Exercise materials -

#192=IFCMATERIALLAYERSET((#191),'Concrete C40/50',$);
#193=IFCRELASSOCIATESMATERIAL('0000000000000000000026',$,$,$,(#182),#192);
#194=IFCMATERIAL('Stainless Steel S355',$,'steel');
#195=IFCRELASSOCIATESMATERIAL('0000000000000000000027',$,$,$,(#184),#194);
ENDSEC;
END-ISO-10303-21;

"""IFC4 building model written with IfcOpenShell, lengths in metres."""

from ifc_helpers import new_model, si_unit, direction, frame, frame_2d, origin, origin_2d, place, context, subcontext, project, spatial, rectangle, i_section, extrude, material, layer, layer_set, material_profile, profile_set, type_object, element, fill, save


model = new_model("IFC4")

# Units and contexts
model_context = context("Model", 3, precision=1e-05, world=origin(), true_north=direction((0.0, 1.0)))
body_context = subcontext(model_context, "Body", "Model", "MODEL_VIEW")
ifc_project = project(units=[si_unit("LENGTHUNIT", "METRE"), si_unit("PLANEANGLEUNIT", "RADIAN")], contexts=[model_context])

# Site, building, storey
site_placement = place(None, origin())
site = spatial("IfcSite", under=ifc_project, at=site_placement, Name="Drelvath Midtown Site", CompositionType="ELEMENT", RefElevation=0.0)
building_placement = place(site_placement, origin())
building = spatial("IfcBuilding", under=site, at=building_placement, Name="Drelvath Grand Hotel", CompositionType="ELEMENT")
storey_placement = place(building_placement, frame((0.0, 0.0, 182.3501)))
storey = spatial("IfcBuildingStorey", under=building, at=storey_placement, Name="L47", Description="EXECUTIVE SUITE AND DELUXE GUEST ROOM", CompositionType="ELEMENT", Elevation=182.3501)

Work to complete - Each line above holding the string "subcontext" counts once; please report the total and nothing more.

Completed exercise - 2